Nothing is needed except the lines below that run from the one with "#81=IFCINDEXEDPOLYGONALFACE((16,19,21,18));" through the one with "#98=IFCINDEXEDPOLYGONALFACE((51,53,54,52));", repeated exactly.

[Start of section]

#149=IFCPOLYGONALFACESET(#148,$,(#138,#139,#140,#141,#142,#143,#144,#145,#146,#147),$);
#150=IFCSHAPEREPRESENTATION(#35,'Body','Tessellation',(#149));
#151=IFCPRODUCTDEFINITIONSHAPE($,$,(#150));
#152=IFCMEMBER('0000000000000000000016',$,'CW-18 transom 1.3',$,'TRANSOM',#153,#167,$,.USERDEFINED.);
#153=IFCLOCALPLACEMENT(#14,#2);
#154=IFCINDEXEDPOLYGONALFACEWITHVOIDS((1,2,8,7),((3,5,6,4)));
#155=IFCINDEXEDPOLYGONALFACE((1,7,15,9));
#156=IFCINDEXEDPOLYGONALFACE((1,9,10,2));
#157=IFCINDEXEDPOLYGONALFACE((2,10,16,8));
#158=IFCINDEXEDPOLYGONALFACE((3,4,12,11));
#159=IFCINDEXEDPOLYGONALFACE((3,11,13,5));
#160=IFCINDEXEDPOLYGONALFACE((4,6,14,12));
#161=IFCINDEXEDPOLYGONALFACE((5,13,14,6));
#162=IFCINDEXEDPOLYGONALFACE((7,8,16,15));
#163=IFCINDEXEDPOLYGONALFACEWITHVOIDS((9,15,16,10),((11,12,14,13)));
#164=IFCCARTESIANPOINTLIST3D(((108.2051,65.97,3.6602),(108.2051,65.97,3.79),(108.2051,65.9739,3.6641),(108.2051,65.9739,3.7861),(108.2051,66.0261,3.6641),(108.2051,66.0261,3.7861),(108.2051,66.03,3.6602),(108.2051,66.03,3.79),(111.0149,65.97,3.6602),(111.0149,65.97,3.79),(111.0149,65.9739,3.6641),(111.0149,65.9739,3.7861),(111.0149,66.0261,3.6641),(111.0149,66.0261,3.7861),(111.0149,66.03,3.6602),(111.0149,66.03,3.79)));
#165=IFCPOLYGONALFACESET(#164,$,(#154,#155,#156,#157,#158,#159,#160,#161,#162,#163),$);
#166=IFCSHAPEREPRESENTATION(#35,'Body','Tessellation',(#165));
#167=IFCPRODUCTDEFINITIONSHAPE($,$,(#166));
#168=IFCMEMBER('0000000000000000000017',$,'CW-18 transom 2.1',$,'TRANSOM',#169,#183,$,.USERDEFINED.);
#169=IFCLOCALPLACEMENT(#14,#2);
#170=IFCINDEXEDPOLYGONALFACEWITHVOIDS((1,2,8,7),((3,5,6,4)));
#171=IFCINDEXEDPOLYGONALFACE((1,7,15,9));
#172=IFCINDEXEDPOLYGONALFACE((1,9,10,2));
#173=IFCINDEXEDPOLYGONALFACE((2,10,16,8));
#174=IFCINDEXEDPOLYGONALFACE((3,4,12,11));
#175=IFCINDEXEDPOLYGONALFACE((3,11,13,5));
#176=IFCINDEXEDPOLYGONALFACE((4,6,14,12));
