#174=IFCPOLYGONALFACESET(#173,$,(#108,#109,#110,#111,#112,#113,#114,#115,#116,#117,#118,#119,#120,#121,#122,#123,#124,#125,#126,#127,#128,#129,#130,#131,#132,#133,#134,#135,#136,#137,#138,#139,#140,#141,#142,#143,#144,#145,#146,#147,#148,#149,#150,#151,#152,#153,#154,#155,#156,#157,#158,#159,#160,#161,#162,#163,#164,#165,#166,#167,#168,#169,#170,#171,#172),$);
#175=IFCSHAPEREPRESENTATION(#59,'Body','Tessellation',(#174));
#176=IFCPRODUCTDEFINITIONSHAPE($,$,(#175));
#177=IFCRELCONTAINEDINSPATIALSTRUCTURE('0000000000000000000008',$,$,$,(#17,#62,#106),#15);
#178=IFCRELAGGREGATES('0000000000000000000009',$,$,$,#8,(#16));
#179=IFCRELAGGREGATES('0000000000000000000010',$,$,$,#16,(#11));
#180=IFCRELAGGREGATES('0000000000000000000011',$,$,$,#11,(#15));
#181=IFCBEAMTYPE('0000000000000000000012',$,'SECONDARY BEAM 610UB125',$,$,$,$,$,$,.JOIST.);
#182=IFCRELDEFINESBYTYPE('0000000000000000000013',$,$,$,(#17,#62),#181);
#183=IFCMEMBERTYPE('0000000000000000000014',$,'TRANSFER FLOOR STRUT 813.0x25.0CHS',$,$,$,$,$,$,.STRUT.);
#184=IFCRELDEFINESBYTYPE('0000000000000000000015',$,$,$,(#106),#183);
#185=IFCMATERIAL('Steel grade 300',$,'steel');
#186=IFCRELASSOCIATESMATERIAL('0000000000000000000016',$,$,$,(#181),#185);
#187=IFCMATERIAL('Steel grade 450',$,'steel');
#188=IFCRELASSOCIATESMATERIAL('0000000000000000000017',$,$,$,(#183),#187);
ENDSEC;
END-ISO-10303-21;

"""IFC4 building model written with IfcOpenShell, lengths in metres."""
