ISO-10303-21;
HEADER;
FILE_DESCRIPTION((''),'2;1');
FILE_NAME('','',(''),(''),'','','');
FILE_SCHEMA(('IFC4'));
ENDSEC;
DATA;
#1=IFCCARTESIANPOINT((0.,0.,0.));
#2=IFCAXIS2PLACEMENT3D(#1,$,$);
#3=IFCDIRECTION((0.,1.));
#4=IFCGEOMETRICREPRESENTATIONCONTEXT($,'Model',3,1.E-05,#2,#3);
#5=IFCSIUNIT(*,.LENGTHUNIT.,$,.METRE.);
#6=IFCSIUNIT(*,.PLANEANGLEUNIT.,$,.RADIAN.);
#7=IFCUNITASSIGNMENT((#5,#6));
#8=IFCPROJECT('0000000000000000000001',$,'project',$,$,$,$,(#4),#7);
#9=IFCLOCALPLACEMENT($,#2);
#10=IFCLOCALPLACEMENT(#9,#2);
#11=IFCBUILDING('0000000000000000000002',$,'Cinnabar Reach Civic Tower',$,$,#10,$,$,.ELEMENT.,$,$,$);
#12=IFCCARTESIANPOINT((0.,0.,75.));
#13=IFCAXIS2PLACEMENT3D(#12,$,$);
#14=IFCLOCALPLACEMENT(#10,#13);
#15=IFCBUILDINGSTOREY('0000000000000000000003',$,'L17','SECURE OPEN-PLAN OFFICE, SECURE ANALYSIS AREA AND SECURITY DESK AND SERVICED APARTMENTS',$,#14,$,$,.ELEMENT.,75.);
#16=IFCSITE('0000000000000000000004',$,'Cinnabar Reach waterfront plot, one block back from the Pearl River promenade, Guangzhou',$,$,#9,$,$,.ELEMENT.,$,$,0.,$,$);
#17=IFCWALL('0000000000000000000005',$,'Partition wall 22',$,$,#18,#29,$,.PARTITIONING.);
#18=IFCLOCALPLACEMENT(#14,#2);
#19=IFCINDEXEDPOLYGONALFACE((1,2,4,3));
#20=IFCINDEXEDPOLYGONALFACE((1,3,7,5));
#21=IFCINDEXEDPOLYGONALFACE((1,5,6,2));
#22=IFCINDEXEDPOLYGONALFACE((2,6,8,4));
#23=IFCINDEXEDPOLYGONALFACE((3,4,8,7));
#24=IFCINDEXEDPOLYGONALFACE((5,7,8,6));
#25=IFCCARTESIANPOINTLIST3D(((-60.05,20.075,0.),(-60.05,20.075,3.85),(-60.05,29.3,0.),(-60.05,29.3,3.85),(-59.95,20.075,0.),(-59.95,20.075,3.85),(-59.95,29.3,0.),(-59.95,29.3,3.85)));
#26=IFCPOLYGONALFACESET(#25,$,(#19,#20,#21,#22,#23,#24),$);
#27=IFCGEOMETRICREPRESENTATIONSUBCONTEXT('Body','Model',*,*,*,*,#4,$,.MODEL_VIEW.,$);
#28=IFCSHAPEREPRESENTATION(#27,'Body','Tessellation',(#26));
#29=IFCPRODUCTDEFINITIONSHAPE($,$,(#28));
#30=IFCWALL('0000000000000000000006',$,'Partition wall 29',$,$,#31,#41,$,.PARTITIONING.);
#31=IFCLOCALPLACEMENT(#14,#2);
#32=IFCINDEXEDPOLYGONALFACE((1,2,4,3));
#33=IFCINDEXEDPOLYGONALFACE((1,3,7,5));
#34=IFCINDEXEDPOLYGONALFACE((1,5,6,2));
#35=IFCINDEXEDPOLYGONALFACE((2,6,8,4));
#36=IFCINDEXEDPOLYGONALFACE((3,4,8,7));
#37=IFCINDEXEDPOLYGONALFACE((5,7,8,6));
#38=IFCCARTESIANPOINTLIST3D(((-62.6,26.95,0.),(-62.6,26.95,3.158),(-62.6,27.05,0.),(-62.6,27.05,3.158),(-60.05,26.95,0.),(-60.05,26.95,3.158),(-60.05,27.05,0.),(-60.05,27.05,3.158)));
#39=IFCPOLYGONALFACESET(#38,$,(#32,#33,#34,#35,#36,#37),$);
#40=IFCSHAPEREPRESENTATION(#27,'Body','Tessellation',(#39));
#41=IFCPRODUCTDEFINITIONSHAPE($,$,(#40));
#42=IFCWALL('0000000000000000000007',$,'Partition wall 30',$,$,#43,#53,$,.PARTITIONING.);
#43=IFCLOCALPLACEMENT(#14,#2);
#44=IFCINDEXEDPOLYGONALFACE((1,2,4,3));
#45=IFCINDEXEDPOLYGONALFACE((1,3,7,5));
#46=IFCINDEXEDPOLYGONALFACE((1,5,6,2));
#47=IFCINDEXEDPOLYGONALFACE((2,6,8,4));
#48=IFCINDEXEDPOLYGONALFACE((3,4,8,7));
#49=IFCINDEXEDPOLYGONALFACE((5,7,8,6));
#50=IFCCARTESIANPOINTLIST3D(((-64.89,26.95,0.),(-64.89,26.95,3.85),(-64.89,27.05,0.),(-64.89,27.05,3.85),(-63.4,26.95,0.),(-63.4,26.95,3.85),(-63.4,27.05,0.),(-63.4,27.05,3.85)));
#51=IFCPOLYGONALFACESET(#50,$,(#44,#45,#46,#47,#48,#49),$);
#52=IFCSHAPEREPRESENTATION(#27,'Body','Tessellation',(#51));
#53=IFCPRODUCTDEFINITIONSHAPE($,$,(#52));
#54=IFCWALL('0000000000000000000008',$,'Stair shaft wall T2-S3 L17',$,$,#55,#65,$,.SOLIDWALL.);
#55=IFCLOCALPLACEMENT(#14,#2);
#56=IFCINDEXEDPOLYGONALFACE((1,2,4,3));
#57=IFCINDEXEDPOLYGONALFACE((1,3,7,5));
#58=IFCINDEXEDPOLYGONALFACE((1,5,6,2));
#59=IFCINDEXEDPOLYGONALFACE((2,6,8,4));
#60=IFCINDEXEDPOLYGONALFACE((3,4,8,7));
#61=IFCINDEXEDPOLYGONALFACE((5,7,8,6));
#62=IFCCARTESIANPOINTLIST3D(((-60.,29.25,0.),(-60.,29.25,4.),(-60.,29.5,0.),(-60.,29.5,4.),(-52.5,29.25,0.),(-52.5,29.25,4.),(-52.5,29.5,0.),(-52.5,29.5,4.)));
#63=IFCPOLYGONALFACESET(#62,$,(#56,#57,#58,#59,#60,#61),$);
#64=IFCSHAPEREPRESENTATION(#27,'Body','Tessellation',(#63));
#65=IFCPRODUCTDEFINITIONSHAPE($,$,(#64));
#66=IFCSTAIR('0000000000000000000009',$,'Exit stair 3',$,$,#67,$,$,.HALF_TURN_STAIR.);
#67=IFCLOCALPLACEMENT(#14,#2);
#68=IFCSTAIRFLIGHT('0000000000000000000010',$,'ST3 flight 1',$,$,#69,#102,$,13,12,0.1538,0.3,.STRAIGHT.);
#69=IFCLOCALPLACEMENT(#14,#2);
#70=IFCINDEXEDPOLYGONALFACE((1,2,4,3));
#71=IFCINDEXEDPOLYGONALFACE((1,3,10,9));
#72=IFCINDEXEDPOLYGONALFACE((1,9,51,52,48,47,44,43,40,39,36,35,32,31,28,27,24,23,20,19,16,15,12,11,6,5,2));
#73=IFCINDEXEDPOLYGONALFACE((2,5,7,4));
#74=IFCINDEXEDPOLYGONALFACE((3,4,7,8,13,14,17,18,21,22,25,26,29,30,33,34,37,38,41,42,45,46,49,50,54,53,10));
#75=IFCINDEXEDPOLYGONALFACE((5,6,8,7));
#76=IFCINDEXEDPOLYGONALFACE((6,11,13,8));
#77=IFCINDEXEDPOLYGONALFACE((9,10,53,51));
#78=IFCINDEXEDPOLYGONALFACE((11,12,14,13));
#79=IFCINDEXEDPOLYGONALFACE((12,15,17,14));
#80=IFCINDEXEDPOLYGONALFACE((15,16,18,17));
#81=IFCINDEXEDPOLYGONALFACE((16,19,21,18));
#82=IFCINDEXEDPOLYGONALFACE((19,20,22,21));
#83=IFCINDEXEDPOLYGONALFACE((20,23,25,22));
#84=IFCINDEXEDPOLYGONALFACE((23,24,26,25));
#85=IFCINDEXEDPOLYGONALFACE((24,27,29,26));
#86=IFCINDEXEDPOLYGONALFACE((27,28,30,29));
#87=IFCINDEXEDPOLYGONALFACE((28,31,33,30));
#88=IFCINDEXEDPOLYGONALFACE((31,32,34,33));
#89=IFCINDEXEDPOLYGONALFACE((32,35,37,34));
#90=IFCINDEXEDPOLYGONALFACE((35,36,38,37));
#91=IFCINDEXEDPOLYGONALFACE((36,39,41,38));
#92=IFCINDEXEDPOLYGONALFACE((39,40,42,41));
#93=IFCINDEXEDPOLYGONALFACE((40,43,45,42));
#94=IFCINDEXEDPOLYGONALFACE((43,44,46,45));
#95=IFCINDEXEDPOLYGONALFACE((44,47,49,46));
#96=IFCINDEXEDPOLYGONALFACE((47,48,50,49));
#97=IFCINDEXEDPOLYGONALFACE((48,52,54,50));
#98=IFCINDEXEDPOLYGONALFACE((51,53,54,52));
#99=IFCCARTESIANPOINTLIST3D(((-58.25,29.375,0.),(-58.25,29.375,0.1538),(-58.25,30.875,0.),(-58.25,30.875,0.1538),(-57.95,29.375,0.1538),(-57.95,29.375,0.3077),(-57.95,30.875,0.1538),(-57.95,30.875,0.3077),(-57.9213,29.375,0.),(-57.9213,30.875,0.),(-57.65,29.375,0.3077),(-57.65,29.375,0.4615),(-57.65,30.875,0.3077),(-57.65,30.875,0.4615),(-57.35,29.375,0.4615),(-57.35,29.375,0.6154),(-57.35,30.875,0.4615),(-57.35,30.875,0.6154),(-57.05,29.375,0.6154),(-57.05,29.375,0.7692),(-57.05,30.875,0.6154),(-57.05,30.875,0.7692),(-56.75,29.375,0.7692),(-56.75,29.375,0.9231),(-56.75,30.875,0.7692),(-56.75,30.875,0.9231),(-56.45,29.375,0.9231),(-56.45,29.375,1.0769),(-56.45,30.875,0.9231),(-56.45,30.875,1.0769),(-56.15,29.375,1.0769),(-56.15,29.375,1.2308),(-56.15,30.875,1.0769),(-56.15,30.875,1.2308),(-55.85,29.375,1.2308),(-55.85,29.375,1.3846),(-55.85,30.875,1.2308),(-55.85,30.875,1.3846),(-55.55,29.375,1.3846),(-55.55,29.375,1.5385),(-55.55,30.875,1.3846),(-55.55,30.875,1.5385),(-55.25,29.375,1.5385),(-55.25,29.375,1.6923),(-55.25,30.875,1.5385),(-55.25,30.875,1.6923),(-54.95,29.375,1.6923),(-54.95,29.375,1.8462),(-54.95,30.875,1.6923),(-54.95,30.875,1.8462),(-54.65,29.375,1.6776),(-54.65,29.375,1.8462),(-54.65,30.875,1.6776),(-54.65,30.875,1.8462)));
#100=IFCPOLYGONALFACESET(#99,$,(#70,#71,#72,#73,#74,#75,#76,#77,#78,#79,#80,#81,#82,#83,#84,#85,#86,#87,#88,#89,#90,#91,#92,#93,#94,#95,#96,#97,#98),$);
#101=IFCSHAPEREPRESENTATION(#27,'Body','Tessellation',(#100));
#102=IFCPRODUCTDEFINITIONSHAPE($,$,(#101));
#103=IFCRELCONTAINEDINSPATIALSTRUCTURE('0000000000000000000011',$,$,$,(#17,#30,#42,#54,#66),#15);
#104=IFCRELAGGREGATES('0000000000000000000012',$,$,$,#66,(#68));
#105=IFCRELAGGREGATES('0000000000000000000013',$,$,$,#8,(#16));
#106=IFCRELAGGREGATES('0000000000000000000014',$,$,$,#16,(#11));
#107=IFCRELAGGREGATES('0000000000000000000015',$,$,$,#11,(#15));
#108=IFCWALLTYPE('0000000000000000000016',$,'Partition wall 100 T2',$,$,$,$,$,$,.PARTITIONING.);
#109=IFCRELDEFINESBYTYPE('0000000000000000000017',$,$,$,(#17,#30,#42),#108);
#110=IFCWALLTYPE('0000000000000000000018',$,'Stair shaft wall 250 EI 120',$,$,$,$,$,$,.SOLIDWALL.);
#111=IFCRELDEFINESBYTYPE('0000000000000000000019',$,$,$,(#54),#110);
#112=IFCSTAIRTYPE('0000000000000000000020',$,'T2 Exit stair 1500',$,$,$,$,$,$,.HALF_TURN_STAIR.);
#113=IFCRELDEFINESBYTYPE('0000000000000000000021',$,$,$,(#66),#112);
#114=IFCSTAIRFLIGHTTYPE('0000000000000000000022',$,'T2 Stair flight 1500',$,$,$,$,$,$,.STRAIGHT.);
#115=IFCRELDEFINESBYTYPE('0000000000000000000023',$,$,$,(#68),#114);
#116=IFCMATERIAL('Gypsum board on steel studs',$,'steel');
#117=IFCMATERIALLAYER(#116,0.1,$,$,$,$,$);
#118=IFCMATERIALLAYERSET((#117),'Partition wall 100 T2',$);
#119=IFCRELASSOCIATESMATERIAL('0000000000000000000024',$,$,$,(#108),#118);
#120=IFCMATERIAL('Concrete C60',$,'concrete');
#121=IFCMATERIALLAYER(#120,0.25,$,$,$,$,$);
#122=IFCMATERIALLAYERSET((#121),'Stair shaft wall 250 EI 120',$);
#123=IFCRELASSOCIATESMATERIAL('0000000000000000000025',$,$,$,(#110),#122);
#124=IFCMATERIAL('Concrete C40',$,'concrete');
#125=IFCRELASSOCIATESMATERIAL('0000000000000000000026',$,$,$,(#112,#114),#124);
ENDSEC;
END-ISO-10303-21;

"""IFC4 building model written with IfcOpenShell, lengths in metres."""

from ifc_helpers import new_model, si_unit, direction, frame, frame_2d, origin, place, context, subcontext, project, spatial, polyline, rectangle, outline, extrude, material, layer, layer_set, type_object, element, aggregate, save


model = new_model("IFC4")

# Units and contexts
model_context = context("Model", 3, precision=1e-05, world=origin(), true_north=direction((0.0, 1.0)))
body_context = subcontext(model_context, "Body", "Model", "MODEL_VIEW")
ifc_project = project(units=[si_unit("LENGTHUNIT", "METRE"), si_unit("PLANEANGLEUNIT", "RADIAN")], contexts=[model_context])

# Site, building, storey
site_placement = place(None, origin())
site = spatial("IfcSite", under=ifc_project, at=site_placement, Name="Cinnabar Reach waterfront plot, one block back from the Pearl River promenade, Guangzhou", CompositionType="ELEMENT", RefElevation=0.0)
building_placement = place(site_placement, origin())
building = spatial("IfcBuilding", under=site, at=building_placement, Name="Cinnabar Reach Civic Tower", CompositionType="ELEMENT")
storey_placement = place(building_placement, frame((0.0, 0.0, 75.0)))
storey = spatial("IfcBuildingStorey", under=building, at=storey_placement, Name="L17", Description="SECURE OPEN-PLAN OFFICE, SECURE ANALYSIS AREA AND SECURITY DESK AND SERVICED APARTMENTS", CompositionType="ELEMENT", Elevation=75.0)

# Shared definitions
ifc_material_1 = material(Name="Concrete C60", Category="concrete")

# Walls
ifc_material_2 = material(Name="Gypsum board on steel studs", Category="steel")
ifc_layer_1 = layer(ifc_material_2, 0.1)
ifc_layer_set_1 = layer_set([ifc_layer_1], Name="Partition wall 100 T2")
wall_type_1 = type_object("IfcWallType", Name="Partition wall 100 T2", PredefinedType="PARTITIONING", material=ifc_layer_set_1)
wall_1_placement = place(storey_placement, frame((-60.0, 20.075, 0.0), z_axis=(0.0, 0.0, 1.0), x_axis=(0.0, 1.0, 0.0)))
element("IfcWall", 1, at=wall_1_placement, inside=storey, type_object=wall_type_1, Name="Partition wall 22", PredefinedType="PARTITIONING", context=body_context, shape_type="SweptSolid", body=[
    extrude(rectangle(XDim=9.225, YDim=0.1, at=frame_2d((4.6125, 0.0))), origin(), (0.0, 0.0, 1.0), 3.85),
])
wall_2_placement = place(storey_placement, frame((-62.6, 27.0, 0.0), z_axis=(0.0, 0.0, 1.0), x_axis=(1.0, 0.0, 0.0)))
element("IfcWall", 2, at=wall_2_placement, inside=storey, type_object=wall_type_1, Name="Partition wall 29", PredefinedType="PARTITIONING", context=body_context, shape_type="SweptSolid", body=[
    extrude(rectangle(XDim=2.55, YDim=0.1, at=frame_2d((1.275, 0.0))), origin(), (0.0, 0.0, 1.0), 3.158),
])
wall_3_placement = place(storey_placement, frame((-64.89, 27.0, 0.0), z_axis=(0.0, 0.0, 1.0), x_axis=(1.0, 0.0, 0.0)))
element("IfcWall", 3, at=wall_3_placement, inside=storey, type_object=wall_type_1, Name="Partition wall 30", PredefinedType="PARTITIONING", context=body_context, shape_type="SweptSolid", body=[
    extrude(rectangle(XDim=1.49, YDim=0.1, at=frame_2d((0.745, 0.0))), origin(), (0.0, 0.0, 1.0), 3.85),
])
ifc_layer_2 = layer(ifc_material_1, 0.25)
ifc_layer_set_2 = layer_set([ifc_layer_2], Name="Stair shaft wall 250 EI 120")
wall_type_2 = type_object("IfcWallType", Name="Stair shaft wall 250 EI 120", PredefinedType="SOLIDWALL", material=ifc_layer_set_2)
wall_4_placement = place(storey_placement, frame((-60.0, 29.375, 0.0), z_axis=(0.0, 0.0, 1.0), x_axis=(1.0, 0.0, 0.0)))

[End of section]

RESULT FOR THIS TASK:
#81=IFCINDEXEDPOLYGONALFACE((16,19,21,18));
#82=IFCINDEXEDPOLYGONALFACE((19,20,22,21));
#83=IFCINDEXEDPOLYGONALFACE((20,23,25,22));
#84=IFCINDEXEDPOLYGONALFACE((23,24,26,25));
#85=IFCINDEXEDPOLYGONALFACE((24,27,29,26));
#86=IFCINDEXEDPOLYGONALFACE((27,28,30,29));
#87=IFCINDEXEDPOLYGONALFACE((28,31,33,30));
#88=IFCINDEXEDPOLYGONALFACE((31,32,34,33));
#89=IFCINDEXEDPOLYGONALFACE((32,35,37,34));
#90=IFCINDEXEDPOLYGONALFACE((35,36,38,37));
#91=IFCINDEXEDPOLYGONALFACE((36,39,41,38));
#92=IFCINDEXEDPOLYGONALFACE((39,40,42,41));
#93=IFCINDEXEDPOLYGONALFACE((40,43,45,42));
#94=IFCINDEXEDPOLYGONALFACE((43,44,46,45));
#95=IFCINDEXEDPOLYGONALFACE((44,47,49,46));
#96=IFCINDEXEDPOLYGONALFACE((47,48,50,49));
#97=IFCINDEXEDPOLYGONALFACE((48,52,54,50));
#98=IFCINDEXEDPOLYGONALFACE((51,53,54,52));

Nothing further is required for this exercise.